(Collected data)
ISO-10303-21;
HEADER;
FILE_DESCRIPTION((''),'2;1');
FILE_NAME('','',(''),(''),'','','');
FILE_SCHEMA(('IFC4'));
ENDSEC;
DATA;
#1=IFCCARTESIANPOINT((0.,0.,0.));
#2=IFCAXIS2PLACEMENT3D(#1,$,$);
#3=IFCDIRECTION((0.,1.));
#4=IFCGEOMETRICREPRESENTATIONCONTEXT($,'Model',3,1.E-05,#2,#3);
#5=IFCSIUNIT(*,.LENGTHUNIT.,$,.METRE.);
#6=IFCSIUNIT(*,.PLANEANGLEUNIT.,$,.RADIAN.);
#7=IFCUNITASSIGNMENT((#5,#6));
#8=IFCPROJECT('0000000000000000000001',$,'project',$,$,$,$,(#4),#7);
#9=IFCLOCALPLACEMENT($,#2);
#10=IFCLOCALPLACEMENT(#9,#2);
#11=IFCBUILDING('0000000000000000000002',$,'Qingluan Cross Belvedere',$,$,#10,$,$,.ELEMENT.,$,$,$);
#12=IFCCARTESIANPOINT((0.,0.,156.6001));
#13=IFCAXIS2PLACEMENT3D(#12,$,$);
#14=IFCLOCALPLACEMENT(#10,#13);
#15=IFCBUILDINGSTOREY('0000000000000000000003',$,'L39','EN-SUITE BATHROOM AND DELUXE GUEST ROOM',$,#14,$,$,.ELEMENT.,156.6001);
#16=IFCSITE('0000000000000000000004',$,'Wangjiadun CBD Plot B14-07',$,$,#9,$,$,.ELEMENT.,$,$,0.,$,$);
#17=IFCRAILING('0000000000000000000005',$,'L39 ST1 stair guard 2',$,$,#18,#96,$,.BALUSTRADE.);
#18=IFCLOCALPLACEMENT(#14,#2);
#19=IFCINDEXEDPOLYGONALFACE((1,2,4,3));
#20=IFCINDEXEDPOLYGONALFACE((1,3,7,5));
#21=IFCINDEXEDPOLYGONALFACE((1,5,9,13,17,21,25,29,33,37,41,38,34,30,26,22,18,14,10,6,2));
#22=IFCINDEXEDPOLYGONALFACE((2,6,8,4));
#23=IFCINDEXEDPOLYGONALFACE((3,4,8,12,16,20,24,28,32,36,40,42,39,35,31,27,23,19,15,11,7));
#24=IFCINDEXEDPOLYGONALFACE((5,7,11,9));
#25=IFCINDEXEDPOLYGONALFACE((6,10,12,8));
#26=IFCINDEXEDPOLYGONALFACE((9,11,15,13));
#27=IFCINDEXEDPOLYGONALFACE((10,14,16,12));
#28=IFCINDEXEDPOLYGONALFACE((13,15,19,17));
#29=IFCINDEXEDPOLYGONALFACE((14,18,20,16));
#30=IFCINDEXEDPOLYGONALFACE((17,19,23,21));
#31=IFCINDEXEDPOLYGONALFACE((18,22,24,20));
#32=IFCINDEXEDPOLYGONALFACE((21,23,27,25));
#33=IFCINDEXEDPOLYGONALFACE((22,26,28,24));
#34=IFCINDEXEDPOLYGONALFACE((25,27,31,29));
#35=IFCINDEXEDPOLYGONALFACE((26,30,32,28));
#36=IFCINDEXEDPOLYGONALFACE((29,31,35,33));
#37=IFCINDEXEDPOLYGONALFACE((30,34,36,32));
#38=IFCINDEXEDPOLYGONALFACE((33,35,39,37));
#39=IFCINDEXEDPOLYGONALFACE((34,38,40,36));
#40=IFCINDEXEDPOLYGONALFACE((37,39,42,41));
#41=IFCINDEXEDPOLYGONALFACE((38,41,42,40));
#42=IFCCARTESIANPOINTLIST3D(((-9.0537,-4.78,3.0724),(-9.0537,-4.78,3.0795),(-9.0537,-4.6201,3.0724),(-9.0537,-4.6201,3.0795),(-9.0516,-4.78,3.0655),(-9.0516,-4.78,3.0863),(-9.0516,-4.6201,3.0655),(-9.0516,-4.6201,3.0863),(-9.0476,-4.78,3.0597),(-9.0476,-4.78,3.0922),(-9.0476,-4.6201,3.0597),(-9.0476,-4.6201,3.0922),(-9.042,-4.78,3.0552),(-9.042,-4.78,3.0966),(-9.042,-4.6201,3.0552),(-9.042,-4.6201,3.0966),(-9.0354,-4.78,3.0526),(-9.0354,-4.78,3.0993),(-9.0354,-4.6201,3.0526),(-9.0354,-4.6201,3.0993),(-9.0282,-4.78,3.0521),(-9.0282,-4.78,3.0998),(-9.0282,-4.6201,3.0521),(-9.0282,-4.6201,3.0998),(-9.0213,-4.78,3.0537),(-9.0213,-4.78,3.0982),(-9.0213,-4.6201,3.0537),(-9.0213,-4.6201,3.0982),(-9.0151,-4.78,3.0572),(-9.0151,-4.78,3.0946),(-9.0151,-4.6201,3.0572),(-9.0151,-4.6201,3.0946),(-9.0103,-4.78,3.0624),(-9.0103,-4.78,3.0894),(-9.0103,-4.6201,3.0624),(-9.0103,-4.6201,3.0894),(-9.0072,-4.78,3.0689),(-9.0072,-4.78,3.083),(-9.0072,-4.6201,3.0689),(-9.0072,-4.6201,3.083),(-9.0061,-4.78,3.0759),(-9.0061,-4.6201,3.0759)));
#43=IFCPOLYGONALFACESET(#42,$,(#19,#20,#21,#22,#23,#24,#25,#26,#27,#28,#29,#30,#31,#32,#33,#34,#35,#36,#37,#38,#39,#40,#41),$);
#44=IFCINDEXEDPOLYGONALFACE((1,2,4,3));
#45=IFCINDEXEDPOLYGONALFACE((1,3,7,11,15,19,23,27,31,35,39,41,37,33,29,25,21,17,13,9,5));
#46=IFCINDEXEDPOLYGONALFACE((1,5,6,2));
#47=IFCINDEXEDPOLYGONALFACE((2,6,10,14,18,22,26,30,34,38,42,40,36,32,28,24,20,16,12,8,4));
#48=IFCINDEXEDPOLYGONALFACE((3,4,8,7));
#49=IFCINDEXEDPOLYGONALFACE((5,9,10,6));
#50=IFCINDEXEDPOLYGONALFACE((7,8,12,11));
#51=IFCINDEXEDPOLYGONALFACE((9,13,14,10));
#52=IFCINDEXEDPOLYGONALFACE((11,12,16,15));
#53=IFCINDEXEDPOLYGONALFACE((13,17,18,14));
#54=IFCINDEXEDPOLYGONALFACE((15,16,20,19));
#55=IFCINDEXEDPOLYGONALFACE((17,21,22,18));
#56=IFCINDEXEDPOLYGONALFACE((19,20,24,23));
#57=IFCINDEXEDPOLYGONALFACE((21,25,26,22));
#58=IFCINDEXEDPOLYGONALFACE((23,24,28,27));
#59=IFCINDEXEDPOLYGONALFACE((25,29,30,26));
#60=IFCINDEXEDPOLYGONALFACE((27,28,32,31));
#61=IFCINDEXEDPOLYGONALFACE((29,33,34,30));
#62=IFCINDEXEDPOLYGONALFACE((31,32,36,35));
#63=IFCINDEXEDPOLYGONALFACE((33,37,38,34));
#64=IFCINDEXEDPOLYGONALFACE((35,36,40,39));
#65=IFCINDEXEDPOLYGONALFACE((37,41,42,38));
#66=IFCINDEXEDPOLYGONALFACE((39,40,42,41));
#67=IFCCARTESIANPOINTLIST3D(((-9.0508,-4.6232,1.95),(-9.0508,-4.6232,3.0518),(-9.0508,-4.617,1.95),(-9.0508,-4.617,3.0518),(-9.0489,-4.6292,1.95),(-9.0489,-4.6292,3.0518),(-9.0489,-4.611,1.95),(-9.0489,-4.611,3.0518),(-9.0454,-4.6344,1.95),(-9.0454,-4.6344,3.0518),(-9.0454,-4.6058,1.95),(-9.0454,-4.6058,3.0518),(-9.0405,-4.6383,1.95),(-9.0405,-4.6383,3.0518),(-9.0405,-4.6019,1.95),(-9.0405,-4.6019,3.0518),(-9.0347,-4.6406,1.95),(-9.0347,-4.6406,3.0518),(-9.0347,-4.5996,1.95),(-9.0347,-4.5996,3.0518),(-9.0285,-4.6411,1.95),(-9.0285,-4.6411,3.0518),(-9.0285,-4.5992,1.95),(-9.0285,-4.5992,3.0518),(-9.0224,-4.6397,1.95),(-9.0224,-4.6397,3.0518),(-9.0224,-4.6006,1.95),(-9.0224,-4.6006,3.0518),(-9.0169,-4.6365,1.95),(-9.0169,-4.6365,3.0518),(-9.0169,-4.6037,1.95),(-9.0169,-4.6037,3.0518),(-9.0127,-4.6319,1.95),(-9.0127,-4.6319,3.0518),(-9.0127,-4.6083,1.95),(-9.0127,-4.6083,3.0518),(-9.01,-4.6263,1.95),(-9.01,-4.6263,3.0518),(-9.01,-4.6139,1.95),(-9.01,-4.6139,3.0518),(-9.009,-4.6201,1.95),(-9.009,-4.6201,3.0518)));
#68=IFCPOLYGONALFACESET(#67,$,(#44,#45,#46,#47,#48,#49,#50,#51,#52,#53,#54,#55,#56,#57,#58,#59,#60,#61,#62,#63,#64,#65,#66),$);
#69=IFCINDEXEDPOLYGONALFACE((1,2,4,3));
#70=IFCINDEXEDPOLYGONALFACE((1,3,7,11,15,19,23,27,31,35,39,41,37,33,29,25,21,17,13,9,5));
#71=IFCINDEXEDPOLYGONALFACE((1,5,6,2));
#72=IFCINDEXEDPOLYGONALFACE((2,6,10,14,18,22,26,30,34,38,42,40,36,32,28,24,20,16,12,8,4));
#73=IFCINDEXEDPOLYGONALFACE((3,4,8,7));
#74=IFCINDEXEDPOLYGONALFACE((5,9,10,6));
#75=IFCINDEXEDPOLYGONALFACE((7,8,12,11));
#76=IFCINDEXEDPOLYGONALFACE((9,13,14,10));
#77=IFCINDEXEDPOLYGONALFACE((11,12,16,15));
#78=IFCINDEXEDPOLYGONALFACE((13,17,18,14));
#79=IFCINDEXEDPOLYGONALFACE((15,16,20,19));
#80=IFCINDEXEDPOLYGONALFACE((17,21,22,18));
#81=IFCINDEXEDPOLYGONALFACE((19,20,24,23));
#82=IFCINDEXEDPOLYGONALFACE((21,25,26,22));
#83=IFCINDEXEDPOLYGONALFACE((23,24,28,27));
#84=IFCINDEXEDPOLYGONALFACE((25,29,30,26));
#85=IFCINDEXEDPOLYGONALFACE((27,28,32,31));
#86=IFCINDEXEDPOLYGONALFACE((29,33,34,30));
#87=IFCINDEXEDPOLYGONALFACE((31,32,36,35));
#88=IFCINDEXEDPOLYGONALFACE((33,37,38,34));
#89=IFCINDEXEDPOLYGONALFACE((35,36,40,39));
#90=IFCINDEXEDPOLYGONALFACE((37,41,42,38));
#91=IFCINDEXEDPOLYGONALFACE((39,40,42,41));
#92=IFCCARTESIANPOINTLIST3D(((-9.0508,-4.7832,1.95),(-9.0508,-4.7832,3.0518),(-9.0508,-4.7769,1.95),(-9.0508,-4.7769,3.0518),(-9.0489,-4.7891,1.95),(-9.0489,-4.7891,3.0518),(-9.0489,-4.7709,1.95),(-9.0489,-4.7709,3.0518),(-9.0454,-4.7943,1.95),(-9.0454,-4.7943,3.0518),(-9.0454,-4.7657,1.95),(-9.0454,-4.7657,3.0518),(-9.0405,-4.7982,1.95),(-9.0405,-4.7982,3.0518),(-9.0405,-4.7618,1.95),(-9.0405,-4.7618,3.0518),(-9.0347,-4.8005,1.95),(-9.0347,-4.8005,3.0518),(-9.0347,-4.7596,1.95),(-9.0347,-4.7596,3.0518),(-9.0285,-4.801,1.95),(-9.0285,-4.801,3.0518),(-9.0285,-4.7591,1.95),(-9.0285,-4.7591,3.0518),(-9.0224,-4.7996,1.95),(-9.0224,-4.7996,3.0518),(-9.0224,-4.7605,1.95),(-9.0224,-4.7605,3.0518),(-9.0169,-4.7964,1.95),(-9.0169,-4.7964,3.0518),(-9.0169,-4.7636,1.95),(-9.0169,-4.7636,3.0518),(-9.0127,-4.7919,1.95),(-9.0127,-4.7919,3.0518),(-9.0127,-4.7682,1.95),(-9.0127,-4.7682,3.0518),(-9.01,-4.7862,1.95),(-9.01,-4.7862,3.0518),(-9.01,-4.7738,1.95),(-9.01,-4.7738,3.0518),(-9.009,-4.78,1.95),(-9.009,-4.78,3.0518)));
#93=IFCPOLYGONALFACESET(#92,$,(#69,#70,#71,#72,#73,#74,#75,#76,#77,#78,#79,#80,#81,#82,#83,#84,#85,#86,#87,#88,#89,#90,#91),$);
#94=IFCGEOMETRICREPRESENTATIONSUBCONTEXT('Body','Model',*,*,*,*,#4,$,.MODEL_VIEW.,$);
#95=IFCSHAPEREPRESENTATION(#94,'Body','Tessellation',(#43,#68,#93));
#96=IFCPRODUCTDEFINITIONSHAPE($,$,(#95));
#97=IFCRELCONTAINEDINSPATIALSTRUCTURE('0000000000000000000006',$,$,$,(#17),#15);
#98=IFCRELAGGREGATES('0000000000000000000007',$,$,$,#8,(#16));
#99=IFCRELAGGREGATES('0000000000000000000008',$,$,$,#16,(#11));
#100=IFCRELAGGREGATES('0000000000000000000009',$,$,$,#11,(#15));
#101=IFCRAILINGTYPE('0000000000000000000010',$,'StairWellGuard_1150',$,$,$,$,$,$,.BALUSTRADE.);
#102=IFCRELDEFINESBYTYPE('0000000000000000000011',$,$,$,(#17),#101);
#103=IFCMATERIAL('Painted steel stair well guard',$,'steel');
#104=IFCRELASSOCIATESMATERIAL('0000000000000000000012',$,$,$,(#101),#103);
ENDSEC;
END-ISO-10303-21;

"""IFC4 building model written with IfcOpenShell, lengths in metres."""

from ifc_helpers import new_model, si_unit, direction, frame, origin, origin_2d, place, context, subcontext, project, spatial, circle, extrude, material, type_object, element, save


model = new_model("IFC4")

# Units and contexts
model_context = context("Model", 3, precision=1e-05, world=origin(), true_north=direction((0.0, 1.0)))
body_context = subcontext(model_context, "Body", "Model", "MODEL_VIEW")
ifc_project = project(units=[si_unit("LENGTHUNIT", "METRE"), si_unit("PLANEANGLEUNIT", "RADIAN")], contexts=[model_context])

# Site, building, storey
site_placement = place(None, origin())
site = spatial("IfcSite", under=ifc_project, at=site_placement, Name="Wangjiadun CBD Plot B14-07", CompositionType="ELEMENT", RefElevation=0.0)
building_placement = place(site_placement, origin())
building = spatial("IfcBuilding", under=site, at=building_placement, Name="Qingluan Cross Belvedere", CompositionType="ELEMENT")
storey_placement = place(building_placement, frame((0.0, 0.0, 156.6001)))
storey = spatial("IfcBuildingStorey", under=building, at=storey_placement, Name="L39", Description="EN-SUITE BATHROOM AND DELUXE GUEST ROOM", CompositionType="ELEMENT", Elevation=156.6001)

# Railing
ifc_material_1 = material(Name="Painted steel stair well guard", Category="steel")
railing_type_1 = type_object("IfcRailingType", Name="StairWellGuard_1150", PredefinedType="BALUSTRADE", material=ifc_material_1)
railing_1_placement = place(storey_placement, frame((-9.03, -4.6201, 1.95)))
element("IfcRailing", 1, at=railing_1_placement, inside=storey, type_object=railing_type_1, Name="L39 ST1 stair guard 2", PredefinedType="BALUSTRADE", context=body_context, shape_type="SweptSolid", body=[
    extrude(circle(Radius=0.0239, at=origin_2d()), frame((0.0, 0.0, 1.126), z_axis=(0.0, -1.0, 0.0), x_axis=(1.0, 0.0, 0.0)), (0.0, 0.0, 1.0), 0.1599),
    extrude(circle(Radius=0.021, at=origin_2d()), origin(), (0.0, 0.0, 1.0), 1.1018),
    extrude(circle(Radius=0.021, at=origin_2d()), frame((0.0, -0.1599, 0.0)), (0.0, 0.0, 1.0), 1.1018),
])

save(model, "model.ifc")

» **TASK ITEM**: Beginning at the line above that contains "#48=IFCINDEXEDPOLYGONALFACE((3,4,8,7));", return each line exactly through the line that contains "#66=IFCINDEXEDPOLYGONALFACE((39,40,42,41));", and no others.

» **REPLY TO THE EXERCISE**:
#48=IFCINDEXEDPOLYGONALFACE((3,4,8,7));
#49=IFCINDEXEDPOLYGONALFACE((5,9,10,6));
#50=IFCINDEXEDPOLYGONALFACE((7,8,12,11));
#51=IFCINDEXEDPOLYGONALFACE((9,13,14,10));
#52=IFCINDEXEDPOLYGONALFACE((11,12,16,15));
#53=IFCINDEXEDPOLYGONALFACE((13,17,18,14));
#54=IFCINDEXEDPOLYGONALFACE((15,16,20,19));
#55=IFCINDEXEDPOLYGONALFACE((17,21,22,18));
#56=IFCINDEXEDPOLYGONALFACE((19,20,24,23));
#57=IFCINDEXEDPOLYGONALFACE((21,25,26,22));
#58=IFCINDEXEDPOLYGONALFACE((23,24,28,27));
#59=IFCINDEXEDPOLYGONALFACE((25,29,30,26));
#60=IFCINDEXEDPOLYGONALFACE((27,28,32,31));
#61=IFCINDEXEDPOLYGONALFACE((29,33,34,30));
#62=IFCINDEXEDPOLYGONALFACE((31,32,36,35));
#63=IFCINDEXEDPOLYGONALFACE((33,37,38,34));
#64=IFCINDEXEDPOLYGONALFACE((35,36,40,39));
#65=IFCINDEXEDPOLYGONALFACE((37,41,42,38));
#66=IFCINDEXEDPOLYGONALFACE((39,40,42,41));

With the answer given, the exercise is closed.